── Stored data ──

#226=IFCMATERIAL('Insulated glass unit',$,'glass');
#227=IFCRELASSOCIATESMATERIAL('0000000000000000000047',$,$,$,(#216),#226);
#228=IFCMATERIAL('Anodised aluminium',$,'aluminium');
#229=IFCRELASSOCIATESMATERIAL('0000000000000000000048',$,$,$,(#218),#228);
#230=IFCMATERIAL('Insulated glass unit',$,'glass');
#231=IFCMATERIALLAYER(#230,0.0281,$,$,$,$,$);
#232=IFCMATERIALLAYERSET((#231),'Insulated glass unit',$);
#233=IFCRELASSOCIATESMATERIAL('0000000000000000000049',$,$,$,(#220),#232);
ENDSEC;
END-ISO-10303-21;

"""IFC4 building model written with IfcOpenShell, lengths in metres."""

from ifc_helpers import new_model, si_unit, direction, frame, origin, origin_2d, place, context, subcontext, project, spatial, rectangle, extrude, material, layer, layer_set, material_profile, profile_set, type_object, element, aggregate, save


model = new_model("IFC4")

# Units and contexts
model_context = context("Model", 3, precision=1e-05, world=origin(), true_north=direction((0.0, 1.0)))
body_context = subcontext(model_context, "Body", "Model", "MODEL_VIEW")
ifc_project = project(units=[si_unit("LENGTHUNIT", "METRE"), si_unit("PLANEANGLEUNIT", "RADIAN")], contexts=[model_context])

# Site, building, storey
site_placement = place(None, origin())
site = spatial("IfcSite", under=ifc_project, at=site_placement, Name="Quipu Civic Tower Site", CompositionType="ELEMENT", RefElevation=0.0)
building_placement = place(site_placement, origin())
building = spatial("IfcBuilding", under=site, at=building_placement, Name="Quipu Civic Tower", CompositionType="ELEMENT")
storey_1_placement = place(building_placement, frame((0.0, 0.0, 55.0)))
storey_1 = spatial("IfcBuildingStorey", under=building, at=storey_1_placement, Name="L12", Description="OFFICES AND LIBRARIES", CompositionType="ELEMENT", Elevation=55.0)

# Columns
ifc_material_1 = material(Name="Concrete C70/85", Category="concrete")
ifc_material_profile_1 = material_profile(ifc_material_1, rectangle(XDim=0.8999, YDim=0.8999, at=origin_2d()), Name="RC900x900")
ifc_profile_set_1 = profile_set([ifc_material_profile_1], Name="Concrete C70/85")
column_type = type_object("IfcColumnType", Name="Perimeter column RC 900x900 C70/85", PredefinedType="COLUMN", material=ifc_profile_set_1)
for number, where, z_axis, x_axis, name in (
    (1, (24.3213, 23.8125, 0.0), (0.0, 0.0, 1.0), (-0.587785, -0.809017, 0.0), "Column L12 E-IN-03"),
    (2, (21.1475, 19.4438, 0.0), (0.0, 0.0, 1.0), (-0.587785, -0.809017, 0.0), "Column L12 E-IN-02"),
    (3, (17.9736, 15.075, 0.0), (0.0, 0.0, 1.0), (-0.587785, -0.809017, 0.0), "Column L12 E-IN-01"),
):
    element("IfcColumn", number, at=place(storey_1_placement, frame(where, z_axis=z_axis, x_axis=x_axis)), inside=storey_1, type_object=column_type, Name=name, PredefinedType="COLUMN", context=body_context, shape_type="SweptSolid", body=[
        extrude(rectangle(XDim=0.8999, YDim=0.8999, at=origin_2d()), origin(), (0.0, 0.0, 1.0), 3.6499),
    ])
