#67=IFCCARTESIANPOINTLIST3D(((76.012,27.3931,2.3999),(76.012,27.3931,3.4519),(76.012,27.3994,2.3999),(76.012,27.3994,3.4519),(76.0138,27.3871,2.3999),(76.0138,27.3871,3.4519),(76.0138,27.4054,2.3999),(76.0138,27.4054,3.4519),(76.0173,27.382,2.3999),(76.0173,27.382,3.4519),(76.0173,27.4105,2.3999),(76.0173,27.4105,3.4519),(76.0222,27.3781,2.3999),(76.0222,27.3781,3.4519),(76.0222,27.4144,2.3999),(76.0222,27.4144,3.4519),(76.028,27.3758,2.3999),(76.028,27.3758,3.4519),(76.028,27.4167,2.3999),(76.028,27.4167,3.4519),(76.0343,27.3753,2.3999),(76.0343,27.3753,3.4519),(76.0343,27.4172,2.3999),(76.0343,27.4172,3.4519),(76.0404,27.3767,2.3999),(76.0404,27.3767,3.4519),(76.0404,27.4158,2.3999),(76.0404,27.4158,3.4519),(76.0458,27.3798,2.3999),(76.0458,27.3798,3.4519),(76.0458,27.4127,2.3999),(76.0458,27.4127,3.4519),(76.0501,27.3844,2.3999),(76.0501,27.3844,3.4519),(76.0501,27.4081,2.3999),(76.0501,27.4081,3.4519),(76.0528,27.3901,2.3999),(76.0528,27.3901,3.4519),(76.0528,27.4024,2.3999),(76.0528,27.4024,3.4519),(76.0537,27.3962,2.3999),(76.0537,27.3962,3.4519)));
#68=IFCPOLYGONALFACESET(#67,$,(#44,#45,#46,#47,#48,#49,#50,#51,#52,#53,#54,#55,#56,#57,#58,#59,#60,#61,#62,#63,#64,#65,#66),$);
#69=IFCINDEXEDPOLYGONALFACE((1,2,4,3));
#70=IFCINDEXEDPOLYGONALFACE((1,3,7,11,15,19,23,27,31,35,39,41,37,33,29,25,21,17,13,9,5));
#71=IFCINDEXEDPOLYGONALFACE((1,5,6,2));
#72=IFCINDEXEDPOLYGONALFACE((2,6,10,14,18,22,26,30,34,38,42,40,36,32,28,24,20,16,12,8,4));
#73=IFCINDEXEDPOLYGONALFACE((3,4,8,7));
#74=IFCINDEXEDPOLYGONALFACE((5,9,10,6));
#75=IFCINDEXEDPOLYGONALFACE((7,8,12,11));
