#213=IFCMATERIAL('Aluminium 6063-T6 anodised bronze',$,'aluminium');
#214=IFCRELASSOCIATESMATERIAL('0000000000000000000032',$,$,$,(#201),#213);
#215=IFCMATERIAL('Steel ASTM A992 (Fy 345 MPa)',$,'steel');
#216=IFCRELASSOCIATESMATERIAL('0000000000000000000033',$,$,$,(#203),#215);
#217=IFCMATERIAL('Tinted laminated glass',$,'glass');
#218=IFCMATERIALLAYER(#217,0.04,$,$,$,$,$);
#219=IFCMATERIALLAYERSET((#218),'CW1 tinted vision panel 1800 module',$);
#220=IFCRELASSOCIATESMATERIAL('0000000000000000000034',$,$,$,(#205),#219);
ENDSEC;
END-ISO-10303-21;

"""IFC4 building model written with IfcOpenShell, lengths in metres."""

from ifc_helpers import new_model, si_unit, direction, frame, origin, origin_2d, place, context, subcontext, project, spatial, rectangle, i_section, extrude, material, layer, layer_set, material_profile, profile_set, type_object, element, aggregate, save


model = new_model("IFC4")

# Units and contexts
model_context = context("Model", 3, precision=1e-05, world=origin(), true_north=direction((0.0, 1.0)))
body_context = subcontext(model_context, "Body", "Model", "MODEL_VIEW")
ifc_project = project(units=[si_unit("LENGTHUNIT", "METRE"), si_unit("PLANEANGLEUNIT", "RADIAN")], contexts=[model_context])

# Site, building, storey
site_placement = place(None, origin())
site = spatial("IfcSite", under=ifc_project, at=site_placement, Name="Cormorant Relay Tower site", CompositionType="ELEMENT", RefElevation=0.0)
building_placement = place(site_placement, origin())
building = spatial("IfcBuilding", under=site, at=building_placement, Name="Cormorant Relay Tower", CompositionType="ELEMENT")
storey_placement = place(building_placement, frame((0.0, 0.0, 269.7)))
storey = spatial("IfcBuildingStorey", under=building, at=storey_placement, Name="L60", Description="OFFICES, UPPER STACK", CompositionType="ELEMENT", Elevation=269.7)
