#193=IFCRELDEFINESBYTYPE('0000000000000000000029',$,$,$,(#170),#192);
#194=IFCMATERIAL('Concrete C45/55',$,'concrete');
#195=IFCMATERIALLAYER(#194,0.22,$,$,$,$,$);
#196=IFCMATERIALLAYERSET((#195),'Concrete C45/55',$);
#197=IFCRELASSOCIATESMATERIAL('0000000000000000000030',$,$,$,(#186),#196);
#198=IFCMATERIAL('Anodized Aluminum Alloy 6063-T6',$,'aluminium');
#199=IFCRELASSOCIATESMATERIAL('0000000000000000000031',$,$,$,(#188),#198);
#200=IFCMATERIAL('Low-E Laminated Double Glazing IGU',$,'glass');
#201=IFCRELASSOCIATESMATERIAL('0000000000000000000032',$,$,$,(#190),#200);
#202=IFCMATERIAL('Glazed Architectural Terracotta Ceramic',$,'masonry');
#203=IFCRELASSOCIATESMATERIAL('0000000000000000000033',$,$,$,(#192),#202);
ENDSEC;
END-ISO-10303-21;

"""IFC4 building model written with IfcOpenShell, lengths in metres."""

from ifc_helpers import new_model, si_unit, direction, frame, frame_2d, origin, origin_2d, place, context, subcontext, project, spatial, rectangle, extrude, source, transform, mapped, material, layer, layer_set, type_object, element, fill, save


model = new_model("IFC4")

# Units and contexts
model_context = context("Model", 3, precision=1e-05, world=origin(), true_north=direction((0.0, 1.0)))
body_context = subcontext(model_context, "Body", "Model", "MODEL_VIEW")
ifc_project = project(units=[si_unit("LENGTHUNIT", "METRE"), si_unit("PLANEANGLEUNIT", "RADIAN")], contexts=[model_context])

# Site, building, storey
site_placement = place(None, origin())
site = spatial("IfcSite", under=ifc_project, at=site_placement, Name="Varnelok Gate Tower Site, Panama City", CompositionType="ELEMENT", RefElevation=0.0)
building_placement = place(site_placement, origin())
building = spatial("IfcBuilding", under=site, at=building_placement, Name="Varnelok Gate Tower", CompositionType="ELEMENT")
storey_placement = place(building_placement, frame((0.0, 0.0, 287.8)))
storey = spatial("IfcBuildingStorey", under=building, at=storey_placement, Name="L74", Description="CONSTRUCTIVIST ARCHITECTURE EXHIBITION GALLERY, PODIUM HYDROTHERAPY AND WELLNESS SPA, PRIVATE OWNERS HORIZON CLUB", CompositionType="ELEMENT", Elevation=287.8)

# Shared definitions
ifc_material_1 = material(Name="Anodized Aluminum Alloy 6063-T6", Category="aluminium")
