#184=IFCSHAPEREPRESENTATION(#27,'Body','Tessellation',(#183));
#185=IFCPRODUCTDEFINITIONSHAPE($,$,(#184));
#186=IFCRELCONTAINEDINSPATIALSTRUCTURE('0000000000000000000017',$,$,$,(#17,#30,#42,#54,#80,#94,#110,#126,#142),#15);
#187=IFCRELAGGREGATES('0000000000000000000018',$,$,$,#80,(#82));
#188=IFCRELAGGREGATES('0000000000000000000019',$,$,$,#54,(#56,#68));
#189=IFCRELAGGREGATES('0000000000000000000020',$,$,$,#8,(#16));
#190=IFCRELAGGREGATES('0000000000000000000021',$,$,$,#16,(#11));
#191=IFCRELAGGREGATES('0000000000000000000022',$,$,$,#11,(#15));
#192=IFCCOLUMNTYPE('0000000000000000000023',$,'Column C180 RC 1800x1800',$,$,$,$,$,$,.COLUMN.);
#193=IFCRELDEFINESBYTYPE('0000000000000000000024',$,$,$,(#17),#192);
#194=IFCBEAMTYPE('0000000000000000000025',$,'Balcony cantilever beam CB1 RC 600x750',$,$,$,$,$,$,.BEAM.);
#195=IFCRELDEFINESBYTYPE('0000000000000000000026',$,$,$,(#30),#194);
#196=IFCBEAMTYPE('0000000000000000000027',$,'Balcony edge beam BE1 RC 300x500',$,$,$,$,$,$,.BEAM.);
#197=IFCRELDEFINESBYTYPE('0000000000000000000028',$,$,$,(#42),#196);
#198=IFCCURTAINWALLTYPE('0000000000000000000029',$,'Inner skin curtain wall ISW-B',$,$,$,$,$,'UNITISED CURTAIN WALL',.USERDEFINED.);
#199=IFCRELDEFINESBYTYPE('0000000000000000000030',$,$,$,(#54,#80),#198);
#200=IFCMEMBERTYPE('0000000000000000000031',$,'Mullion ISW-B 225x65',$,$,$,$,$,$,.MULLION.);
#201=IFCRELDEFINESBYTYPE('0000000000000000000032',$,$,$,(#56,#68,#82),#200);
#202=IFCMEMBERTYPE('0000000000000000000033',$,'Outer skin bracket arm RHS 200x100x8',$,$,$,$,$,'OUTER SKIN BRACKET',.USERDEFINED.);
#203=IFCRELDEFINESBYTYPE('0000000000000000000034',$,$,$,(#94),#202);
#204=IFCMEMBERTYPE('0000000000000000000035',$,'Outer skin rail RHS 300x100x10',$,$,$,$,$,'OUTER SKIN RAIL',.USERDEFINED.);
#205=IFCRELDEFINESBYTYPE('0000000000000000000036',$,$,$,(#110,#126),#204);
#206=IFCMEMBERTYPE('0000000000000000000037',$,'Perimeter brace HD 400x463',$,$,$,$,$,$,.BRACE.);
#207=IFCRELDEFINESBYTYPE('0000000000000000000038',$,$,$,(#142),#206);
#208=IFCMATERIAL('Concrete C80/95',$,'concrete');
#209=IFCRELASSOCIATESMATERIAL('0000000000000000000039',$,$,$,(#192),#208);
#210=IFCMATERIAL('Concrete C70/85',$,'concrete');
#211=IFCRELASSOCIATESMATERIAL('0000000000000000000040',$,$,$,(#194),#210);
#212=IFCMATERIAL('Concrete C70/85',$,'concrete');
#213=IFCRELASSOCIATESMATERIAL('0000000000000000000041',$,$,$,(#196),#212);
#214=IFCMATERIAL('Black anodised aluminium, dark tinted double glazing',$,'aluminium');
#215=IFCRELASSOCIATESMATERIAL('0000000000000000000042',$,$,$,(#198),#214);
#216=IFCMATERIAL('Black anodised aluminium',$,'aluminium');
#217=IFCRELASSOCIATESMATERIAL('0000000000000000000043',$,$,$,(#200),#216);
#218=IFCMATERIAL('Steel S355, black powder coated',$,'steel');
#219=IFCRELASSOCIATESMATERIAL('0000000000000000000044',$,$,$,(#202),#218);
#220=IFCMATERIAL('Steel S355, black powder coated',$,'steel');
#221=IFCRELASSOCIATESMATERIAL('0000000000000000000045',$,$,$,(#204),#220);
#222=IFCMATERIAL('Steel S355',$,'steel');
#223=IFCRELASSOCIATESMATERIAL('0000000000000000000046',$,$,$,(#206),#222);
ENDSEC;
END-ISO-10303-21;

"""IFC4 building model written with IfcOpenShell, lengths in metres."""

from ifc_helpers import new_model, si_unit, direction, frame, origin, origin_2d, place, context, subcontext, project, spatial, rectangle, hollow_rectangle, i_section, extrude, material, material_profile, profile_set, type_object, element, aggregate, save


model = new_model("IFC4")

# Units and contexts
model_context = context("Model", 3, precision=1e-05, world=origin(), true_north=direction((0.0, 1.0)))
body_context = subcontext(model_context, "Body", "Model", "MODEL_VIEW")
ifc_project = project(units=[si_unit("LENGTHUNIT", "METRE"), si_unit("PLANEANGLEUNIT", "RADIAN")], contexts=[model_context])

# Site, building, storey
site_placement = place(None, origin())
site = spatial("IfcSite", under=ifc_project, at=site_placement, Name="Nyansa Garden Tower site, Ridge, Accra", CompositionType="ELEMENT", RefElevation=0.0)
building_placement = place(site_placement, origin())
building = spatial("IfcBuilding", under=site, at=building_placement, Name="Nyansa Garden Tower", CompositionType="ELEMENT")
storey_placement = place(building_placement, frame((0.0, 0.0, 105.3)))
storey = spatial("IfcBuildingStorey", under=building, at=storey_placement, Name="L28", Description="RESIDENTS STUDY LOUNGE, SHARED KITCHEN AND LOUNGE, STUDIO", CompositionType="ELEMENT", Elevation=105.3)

───

Would you please filter the lines above and copy every one that includes "number"?

§ Task solution:
for number, where, z_axis, x_axis, name in (
    element("IfcColumn", number, at=place(storey_1_placement, frame(where, z_axis=z_axis, x_axis=x_axis)), inside=storey_1, type_object=column_type, Name=name, PredefinedType="COLUMN", context=body_context, shape_type="SweptSolid", body=[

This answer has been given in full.